Examine each line of the data, and copy the ones containing "IFCSHAPEREPRESENTATION".

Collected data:
──────

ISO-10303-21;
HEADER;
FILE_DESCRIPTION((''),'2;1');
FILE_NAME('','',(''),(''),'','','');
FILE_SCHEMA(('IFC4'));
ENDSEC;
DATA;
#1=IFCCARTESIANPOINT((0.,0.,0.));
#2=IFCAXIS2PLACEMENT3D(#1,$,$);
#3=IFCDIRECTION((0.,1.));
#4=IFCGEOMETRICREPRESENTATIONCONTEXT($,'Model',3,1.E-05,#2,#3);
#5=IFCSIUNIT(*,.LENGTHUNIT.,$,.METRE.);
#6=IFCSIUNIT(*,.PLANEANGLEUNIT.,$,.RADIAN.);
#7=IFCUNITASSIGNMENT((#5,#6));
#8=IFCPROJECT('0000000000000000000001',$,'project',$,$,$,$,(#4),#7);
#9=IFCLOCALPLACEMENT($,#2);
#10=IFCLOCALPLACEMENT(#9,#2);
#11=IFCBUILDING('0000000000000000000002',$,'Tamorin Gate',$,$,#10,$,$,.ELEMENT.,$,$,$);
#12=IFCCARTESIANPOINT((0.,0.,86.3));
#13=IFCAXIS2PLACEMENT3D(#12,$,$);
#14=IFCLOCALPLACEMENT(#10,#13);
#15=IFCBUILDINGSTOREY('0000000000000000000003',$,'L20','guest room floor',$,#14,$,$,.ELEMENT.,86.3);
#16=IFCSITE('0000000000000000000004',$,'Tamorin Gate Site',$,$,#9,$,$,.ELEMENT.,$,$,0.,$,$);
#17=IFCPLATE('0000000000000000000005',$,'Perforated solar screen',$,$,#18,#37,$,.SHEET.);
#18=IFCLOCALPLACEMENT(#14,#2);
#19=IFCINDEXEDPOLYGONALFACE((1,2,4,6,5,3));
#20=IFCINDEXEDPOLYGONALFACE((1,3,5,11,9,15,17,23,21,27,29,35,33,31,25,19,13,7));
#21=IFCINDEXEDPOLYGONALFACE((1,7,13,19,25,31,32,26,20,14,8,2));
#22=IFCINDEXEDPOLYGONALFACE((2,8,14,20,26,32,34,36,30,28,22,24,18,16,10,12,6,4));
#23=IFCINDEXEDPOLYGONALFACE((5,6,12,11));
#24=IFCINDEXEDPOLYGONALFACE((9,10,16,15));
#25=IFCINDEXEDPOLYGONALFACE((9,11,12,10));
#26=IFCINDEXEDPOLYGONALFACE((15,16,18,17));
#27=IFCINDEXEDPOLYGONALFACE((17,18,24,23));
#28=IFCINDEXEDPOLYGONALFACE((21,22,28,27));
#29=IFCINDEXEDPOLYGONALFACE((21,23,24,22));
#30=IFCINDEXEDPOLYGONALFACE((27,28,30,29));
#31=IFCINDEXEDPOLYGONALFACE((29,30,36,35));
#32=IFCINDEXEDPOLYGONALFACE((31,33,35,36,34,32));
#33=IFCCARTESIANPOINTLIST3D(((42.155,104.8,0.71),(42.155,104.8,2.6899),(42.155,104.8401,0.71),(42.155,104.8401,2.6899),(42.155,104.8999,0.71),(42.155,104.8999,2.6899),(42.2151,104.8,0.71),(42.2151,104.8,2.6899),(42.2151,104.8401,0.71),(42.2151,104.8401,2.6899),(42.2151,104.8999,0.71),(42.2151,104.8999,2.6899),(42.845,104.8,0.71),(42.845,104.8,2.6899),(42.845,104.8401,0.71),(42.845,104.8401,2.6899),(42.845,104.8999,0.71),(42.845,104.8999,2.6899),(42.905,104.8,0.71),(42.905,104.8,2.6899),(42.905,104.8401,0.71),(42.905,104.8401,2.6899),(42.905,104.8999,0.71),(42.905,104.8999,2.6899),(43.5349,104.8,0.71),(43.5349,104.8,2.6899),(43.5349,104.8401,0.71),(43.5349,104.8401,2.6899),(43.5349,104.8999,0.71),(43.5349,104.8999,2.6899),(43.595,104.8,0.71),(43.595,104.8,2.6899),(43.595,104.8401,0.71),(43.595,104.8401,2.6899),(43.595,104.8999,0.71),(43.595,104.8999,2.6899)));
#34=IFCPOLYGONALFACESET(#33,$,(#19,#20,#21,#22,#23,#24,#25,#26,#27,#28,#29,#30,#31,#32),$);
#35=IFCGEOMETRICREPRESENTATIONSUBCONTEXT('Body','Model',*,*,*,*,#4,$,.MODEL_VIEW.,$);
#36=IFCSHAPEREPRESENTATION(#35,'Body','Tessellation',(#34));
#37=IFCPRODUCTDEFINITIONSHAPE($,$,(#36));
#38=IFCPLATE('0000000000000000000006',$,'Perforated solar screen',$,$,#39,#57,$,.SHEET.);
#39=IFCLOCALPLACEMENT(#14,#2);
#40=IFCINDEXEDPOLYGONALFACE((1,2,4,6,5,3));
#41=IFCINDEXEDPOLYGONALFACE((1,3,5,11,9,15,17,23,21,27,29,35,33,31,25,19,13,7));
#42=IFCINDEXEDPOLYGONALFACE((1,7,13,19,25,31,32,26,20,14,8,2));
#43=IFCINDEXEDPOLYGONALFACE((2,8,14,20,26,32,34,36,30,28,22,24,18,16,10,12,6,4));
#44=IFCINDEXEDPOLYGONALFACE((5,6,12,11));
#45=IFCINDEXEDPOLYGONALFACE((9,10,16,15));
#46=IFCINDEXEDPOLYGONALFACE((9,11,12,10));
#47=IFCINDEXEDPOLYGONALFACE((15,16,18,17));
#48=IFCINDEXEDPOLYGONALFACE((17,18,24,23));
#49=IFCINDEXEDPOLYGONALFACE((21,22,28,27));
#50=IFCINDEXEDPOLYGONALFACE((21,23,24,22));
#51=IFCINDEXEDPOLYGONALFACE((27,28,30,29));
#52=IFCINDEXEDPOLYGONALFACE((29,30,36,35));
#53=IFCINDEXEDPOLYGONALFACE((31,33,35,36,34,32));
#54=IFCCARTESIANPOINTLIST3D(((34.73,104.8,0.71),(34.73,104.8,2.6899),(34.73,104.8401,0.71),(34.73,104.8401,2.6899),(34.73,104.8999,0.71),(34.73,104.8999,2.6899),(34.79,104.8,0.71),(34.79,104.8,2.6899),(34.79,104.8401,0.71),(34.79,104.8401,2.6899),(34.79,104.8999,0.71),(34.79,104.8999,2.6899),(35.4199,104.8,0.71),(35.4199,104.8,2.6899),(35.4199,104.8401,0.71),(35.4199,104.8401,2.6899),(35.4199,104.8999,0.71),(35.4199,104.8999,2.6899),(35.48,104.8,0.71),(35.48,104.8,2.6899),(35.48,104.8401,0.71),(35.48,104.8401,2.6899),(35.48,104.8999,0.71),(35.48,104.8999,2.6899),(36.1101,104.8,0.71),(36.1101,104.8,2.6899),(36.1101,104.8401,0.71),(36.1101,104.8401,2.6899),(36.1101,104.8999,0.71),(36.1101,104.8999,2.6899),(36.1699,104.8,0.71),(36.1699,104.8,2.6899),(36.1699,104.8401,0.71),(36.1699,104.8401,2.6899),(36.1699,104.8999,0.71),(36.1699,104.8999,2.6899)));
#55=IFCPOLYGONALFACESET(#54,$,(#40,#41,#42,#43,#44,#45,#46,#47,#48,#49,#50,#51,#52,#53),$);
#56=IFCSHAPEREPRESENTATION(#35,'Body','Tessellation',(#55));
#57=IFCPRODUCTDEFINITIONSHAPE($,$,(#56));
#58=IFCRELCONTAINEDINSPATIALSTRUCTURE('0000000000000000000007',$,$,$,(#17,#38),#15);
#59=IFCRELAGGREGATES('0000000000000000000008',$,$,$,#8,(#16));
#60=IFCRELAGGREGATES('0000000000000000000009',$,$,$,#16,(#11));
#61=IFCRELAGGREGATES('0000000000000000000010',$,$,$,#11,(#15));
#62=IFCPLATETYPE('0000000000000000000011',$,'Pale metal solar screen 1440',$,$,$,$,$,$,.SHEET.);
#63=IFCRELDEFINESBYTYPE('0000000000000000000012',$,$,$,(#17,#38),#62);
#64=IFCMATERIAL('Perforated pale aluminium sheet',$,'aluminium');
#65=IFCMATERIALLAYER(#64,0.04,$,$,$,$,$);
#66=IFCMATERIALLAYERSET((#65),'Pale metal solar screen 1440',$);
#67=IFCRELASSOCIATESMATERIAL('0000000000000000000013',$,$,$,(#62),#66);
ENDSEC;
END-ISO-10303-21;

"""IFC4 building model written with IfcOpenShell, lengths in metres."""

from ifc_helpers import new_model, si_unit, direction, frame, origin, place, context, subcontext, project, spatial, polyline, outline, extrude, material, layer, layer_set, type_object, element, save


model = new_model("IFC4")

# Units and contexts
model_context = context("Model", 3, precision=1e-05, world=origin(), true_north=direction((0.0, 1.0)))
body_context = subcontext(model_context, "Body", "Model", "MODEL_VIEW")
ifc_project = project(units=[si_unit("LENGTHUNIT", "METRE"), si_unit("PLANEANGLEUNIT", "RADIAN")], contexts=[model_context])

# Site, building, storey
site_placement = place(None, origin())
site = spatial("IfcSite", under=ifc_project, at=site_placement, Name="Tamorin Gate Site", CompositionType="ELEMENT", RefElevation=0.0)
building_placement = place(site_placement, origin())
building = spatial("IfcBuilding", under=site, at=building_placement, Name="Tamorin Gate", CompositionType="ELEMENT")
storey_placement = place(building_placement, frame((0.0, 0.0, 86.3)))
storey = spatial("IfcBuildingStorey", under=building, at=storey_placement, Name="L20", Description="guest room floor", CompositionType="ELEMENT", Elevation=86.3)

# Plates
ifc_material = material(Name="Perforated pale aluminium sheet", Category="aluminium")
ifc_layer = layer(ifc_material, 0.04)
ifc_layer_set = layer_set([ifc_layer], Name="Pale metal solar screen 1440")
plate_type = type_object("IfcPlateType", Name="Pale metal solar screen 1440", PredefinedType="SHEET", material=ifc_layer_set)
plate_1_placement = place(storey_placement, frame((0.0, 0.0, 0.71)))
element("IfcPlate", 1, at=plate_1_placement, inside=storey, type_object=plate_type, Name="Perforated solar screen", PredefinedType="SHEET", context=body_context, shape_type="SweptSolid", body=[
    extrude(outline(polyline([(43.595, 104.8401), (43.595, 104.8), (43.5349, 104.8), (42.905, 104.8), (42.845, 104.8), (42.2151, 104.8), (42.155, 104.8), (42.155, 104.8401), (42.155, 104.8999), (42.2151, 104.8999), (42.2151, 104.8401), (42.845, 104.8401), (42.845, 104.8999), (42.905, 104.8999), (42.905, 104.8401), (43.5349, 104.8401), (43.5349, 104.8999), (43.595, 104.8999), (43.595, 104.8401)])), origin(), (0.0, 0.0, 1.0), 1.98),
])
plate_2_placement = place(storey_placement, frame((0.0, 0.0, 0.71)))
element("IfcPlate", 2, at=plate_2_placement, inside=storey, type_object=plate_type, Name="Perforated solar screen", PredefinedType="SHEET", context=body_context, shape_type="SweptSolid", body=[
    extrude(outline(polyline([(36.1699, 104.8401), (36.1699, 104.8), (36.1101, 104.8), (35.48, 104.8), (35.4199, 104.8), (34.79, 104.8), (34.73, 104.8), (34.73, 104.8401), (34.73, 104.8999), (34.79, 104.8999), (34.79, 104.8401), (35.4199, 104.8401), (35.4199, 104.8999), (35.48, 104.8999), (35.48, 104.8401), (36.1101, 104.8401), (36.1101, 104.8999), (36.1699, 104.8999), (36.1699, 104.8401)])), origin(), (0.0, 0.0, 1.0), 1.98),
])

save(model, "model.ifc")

──────

**Your response**
#36=IFCSHAPEREPRESENTATION(#35,'Body','Tessellation',(#34));
#56=IFCSHAPEREPRESENTATION(#35,'Body','Tessellation',(#55));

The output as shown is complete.